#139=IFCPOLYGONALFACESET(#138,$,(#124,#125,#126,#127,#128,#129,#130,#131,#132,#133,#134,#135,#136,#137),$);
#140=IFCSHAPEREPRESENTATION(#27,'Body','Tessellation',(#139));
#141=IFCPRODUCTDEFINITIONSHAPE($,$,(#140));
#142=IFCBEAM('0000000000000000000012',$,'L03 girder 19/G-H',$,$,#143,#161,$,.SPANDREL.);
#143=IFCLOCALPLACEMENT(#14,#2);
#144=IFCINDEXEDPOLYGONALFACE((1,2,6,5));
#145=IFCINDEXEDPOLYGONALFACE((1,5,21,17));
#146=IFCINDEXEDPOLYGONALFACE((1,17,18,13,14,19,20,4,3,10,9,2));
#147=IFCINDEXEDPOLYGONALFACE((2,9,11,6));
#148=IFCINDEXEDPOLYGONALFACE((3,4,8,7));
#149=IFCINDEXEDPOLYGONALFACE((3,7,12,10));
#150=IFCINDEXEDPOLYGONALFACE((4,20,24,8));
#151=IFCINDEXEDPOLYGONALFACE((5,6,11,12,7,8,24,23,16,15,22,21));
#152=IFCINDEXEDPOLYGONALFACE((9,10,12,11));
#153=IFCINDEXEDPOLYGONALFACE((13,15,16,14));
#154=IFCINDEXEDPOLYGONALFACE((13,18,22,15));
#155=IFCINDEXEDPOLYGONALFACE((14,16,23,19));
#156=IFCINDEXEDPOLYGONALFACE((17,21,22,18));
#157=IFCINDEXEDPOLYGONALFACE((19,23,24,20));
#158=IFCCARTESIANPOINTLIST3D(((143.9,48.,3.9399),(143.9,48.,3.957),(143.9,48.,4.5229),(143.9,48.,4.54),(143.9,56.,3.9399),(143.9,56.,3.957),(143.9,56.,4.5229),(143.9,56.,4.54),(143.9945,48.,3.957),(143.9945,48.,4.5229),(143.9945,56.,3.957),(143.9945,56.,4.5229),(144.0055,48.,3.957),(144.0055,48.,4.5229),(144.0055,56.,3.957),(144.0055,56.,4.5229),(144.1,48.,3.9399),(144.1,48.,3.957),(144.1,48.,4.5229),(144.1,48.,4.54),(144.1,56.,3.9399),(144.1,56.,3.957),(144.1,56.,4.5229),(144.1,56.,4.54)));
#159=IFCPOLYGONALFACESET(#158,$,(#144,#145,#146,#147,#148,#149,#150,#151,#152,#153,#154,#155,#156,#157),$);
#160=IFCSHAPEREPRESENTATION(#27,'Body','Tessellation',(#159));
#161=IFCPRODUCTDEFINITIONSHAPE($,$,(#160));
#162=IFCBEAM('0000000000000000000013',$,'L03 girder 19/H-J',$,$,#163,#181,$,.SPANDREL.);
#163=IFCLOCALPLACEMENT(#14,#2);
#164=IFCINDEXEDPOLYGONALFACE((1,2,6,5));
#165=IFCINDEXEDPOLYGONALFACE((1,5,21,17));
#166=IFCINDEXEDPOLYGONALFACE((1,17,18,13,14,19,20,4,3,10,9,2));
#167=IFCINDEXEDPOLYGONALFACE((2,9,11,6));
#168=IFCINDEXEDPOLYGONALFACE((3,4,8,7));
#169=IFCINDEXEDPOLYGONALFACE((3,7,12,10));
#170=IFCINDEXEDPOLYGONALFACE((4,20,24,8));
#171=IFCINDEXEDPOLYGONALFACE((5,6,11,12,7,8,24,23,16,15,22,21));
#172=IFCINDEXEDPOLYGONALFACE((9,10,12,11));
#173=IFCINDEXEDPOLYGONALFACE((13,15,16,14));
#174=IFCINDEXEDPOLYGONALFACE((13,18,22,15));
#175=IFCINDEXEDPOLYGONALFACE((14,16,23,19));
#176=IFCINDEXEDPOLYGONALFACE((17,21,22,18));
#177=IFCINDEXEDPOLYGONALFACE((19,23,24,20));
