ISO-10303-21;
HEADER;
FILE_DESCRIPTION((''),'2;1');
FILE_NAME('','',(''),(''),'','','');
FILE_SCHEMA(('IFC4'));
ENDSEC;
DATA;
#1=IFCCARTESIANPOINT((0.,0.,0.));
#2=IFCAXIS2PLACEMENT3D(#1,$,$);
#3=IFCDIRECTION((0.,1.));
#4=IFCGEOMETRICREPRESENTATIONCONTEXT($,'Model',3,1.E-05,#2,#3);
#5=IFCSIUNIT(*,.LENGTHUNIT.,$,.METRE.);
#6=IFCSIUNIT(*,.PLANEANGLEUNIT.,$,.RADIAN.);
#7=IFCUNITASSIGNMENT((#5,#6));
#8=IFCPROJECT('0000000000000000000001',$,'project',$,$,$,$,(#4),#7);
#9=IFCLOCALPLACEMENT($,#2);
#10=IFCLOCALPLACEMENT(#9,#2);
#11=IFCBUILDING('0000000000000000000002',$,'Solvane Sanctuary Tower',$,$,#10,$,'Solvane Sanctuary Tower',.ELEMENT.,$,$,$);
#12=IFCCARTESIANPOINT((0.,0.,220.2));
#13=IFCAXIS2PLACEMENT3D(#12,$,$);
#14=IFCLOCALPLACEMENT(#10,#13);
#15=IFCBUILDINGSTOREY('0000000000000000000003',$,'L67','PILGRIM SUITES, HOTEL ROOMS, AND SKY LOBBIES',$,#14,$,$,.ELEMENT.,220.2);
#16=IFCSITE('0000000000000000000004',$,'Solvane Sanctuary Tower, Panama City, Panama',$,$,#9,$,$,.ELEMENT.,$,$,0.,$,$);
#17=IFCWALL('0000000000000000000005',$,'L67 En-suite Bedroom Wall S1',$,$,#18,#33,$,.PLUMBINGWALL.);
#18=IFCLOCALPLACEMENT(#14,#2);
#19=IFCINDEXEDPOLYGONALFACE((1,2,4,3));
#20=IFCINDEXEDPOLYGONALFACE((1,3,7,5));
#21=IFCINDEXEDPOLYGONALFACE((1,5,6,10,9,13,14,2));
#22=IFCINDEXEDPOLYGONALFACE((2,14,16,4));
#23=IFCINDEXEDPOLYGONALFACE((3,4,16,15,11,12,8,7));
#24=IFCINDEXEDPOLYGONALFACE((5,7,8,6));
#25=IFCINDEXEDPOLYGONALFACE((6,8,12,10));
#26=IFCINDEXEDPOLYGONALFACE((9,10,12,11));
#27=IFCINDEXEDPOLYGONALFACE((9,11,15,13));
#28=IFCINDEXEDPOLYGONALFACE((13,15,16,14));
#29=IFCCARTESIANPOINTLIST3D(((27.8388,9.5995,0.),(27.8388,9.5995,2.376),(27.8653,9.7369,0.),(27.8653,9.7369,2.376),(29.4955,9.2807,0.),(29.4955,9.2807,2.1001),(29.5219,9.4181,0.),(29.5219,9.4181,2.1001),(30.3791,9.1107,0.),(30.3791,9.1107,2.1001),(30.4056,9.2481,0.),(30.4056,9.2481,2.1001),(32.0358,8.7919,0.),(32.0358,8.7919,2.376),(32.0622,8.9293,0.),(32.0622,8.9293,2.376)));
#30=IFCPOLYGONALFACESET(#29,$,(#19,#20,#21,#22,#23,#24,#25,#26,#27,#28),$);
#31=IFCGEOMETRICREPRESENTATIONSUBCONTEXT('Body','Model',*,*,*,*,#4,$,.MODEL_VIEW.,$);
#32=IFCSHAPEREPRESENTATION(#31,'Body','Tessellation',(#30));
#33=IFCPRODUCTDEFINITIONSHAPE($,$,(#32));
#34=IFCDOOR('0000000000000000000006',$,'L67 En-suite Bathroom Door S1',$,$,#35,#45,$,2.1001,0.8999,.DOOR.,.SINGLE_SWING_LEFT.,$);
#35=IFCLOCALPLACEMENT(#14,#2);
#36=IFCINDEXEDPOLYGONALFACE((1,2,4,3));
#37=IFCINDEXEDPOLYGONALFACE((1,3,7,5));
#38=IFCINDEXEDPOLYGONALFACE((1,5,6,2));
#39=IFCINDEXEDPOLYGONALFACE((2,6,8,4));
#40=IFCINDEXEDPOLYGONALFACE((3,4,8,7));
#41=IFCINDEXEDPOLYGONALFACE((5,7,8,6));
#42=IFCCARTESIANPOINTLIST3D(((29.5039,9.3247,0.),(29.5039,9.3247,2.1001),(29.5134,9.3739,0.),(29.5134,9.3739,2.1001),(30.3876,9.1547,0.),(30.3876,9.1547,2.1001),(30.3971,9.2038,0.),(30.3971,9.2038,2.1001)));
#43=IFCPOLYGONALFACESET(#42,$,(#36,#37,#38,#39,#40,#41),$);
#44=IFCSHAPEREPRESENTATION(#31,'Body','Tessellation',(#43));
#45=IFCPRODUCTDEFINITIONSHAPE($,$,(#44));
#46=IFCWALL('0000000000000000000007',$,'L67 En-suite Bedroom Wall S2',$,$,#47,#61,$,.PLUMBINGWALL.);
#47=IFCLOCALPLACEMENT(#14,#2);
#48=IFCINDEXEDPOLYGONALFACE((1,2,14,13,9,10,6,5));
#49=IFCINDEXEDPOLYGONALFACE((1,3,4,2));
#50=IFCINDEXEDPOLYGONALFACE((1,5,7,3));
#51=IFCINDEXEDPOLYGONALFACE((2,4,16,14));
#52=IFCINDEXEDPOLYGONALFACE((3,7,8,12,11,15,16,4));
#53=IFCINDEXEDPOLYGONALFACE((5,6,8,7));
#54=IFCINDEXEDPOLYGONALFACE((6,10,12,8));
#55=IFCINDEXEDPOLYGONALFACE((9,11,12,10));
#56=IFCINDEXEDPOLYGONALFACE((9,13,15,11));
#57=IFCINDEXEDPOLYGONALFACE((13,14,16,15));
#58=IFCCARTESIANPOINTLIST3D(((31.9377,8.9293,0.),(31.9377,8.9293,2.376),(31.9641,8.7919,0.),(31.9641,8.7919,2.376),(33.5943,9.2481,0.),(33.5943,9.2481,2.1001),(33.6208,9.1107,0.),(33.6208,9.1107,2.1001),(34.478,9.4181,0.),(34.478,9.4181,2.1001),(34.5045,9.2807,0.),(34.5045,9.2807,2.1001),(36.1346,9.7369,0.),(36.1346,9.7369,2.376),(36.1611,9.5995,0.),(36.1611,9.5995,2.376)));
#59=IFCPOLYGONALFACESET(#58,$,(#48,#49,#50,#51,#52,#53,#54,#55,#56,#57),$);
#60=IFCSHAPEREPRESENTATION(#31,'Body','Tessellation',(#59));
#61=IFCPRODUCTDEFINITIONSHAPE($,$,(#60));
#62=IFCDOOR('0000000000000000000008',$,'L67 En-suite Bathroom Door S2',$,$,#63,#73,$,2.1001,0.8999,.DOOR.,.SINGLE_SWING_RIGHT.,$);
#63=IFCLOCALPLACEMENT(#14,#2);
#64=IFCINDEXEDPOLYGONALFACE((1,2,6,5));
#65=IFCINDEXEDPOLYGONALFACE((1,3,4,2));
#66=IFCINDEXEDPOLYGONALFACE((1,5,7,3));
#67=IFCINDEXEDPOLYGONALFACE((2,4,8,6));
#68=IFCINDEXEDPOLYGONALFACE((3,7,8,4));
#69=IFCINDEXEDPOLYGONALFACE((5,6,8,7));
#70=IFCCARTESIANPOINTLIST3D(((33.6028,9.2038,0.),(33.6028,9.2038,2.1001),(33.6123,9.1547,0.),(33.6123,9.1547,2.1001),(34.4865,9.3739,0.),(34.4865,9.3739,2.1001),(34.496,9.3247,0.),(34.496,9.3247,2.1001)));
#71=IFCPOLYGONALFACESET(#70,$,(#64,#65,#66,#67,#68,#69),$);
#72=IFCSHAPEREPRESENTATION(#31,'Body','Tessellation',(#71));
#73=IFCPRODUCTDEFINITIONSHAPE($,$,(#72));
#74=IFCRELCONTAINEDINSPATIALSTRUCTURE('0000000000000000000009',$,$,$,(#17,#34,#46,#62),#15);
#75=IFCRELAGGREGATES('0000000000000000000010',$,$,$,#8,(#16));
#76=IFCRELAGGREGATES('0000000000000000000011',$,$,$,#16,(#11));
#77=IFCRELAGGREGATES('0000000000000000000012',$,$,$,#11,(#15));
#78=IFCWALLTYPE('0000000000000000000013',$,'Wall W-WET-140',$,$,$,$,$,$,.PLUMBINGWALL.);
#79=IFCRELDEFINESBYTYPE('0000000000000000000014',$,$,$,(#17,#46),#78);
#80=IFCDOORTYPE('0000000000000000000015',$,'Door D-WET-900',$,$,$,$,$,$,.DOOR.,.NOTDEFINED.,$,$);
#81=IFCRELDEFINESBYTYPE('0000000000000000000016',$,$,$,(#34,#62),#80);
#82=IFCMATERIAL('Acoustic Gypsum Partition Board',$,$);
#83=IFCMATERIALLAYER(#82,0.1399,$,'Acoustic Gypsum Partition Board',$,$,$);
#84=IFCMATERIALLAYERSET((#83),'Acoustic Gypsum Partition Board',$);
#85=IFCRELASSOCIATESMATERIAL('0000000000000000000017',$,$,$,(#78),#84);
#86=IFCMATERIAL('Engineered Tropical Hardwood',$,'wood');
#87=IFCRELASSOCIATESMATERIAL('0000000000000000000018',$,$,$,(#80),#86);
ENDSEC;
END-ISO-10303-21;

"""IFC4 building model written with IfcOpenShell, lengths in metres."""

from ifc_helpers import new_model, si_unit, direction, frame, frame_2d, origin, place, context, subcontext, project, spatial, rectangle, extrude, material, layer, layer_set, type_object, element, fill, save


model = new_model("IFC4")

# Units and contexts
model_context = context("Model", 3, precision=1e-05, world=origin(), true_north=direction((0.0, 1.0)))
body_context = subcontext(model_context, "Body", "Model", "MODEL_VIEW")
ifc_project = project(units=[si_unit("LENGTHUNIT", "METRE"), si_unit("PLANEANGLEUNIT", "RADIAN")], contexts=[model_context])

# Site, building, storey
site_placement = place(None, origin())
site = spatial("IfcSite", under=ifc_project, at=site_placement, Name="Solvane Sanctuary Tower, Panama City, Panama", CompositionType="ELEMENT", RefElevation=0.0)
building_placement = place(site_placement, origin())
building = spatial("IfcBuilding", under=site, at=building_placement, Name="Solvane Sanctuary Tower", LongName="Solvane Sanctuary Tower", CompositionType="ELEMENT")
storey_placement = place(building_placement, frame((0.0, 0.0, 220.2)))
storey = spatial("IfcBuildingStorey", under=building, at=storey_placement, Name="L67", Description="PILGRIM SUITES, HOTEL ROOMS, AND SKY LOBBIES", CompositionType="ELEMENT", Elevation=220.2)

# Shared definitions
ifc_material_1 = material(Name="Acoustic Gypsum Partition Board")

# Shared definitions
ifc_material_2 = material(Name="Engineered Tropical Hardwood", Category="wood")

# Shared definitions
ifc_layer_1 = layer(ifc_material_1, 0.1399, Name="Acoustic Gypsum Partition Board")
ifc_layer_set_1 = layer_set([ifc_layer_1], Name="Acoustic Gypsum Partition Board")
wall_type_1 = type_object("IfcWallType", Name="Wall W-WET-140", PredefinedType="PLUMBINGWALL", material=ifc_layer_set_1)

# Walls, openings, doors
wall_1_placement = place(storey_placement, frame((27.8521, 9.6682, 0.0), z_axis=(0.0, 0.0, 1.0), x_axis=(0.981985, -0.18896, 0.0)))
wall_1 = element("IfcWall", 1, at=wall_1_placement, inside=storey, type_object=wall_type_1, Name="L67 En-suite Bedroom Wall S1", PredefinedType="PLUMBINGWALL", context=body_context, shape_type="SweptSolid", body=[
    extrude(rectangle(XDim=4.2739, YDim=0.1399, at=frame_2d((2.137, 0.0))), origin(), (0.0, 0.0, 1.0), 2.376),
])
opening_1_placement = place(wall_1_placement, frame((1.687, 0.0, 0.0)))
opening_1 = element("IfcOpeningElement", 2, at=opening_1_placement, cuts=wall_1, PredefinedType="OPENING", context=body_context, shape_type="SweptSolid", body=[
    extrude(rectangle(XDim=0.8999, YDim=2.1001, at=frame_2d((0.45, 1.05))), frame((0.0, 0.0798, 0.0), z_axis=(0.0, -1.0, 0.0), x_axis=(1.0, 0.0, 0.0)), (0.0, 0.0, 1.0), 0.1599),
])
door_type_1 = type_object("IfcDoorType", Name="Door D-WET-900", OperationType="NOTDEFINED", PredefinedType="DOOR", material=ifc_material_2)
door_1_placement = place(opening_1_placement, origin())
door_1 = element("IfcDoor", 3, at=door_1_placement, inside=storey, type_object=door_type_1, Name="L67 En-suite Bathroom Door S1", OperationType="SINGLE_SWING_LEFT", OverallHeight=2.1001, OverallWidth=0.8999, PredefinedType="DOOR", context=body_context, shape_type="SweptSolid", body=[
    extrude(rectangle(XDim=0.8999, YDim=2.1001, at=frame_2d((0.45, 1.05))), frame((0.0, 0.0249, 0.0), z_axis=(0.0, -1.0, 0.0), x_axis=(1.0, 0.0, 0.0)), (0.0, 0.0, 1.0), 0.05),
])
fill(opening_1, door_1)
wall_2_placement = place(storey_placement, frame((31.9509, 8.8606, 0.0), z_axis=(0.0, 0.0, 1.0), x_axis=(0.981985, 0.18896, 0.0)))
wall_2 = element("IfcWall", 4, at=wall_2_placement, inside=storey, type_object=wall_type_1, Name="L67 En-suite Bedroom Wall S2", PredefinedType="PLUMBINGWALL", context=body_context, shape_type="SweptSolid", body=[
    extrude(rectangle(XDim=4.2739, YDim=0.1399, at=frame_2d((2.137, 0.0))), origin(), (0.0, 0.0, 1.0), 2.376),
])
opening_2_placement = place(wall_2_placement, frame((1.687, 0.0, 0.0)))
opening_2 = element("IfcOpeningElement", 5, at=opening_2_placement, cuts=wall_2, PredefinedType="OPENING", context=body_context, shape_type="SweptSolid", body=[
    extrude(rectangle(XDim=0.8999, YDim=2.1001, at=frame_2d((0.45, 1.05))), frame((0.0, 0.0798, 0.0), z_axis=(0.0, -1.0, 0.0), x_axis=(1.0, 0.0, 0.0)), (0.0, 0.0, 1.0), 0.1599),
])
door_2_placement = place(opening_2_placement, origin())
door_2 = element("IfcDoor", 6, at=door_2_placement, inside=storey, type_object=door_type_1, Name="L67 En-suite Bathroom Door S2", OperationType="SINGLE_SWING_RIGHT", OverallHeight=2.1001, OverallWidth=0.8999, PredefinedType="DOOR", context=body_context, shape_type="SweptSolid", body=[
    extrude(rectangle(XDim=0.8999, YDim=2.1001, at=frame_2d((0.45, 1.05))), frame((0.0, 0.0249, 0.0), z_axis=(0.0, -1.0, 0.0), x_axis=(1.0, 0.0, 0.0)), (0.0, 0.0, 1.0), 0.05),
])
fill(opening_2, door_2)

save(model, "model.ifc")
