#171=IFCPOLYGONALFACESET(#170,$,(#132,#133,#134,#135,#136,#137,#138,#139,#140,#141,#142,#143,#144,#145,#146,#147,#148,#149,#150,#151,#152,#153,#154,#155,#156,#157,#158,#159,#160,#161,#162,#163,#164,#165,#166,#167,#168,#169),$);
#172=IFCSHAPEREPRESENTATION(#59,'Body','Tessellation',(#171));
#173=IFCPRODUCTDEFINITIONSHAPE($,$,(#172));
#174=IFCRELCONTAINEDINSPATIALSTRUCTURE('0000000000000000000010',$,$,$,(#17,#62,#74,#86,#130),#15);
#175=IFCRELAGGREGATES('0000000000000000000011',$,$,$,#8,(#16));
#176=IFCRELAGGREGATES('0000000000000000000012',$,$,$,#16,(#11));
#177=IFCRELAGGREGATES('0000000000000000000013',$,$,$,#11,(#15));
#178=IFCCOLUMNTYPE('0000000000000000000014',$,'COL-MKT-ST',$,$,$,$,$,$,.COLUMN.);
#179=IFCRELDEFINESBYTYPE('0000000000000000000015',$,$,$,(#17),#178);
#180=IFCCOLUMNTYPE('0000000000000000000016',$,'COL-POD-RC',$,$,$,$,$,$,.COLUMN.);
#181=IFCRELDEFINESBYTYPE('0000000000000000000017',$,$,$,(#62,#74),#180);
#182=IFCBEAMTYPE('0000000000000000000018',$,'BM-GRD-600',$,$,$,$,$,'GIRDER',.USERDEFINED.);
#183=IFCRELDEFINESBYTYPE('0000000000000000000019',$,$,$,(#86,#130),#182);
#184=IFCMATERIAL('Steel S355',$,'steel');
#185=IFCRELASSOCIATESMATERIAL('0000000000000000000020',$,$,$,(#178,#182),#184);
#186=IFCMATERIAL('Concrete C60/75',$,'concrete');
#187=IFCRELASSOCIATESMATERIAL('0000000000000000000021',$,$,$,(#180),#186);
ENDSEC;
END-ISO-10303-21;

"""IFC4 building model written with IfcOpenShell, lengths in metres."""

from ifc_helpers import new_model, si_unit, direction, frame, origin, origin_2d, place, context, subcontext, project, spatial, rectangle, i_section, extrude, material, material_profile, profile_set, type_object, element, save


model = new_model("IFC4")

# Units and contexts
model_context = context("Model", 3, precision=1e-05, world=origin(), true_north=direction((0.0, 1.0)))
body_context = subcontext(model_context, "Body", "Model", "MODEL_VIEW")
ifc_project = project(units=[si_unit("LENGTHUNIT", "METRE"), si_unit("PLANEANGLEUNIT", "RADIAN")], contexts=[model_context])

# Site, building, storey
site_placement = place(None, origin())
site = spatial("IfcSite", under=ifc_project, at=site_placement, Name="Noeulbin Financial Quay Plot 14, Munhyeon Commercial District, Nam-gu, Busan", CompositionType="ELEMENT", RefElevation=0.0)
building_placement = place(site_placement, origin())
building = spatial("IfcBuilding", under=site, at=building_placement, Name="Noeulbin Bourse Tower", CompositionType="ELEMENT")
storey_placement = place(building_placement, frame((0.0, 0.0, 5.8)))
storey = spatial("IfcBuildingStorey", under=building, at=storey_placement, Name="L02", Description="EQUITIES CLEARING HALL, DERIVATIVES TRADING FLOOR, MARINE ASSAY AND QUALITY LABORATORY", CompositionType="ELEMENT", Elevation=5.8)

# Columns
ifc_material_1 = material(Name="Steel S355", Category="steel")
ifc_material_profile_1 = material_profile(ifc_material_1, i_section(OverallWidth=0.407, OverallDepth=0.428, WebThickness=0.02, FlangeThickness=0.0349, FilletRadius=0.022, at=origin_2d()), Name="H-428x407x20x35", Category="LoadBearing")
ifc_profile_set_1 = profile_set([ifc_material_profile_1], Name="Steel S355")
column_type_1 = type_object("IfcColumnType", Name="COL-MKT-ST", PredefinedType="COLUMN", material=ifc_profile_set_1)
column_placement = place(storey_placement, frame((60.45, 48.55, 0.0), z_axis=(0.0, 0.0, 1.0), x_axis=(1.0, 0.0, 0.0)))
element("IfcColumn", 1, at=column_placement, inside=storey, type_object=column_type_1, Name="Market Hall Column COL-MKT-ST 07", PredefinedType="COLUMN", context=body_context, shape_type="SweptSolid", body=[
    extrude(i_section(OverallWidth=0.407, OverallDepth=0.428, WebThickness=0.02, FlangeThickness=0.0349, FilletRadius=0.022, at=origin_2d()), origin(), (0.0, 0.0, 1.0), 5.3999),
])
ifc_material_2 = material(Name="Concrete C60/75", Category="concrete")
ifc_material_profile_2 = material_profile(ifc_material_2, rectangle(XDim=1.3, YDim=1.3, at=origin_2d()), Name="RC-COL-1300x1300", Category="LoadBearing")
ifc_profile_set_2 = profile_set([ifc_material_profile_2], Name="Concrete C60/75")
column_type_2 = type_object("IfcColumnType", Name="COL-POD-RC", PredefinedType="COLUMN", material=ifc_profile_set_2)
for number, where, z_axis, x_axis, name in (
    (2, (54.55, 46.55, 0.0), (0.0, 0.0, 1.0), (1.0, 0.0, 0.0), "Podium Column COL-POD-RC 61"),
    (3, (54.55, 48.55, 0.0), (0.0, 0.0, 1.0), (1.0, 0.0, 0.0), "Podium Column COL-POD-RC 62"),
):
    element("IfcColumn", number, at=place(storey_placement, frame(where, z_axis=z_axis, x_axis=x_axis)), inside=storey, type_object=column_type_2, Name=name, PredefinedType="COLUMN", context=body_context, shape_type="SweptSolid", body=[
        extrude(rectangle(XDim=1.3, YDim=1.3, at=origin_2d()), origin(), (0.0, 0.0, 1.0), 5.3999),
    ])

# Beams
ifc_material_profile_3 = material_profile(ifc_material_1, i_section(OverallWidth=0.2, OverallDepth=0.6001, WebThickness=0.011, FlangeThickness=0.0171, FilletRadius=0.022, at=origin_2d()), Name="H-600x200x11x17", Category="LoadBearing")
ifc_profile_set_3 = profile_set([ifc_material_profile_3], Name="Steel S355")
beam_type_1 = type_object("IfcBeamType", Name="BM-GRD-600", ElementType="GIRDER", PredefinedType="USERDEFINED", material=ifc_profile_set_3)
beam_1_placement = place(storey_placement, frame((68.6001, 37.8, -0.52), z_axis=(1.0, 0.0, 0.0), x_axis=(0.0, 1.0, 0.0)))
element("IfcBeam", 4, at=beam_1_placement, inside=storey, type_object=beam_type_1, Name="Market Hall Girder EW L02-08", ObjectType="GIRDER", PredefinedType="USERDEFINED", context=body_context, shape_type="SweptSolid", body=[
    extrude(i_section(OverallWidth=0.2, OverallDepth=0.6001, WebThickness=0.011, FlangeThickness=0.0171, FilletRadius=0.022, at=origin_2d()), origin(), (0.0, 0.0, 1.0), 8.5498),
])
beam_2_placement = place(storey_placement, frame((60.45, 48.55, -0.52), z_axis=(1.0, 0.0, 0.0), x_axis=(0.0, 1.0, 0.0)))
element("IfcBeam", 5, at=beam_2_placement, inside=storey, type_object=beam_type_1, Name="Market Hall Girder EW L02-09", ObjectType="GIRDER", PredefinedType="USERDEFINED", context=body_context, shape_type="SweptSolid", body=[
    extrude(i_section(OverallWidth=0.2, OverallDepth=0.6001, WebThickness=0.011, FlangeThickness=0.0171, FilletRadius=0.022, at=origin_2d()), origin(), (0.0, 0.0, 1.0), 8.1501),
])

======

### Assignment
Reproduce the lines of the records exactly, from the first one through the line that contains "#141=IFCPRODUCTDEFINITIONSHAPE($,$,(#140));".

### Exercise solution
#139=IFCPOLYGONALFACESET(#138,$,(#124,#125,#126,#127,#128,#129,#130,#131,#132,#133,#134,#135,#136,#137),$);
#140=IFCSHAPEREPRESENTATION(#27,'Body','Tessellation',(#139));
#141=IFCPRODUCTDEFINITIONSHAPE($,$,(#140));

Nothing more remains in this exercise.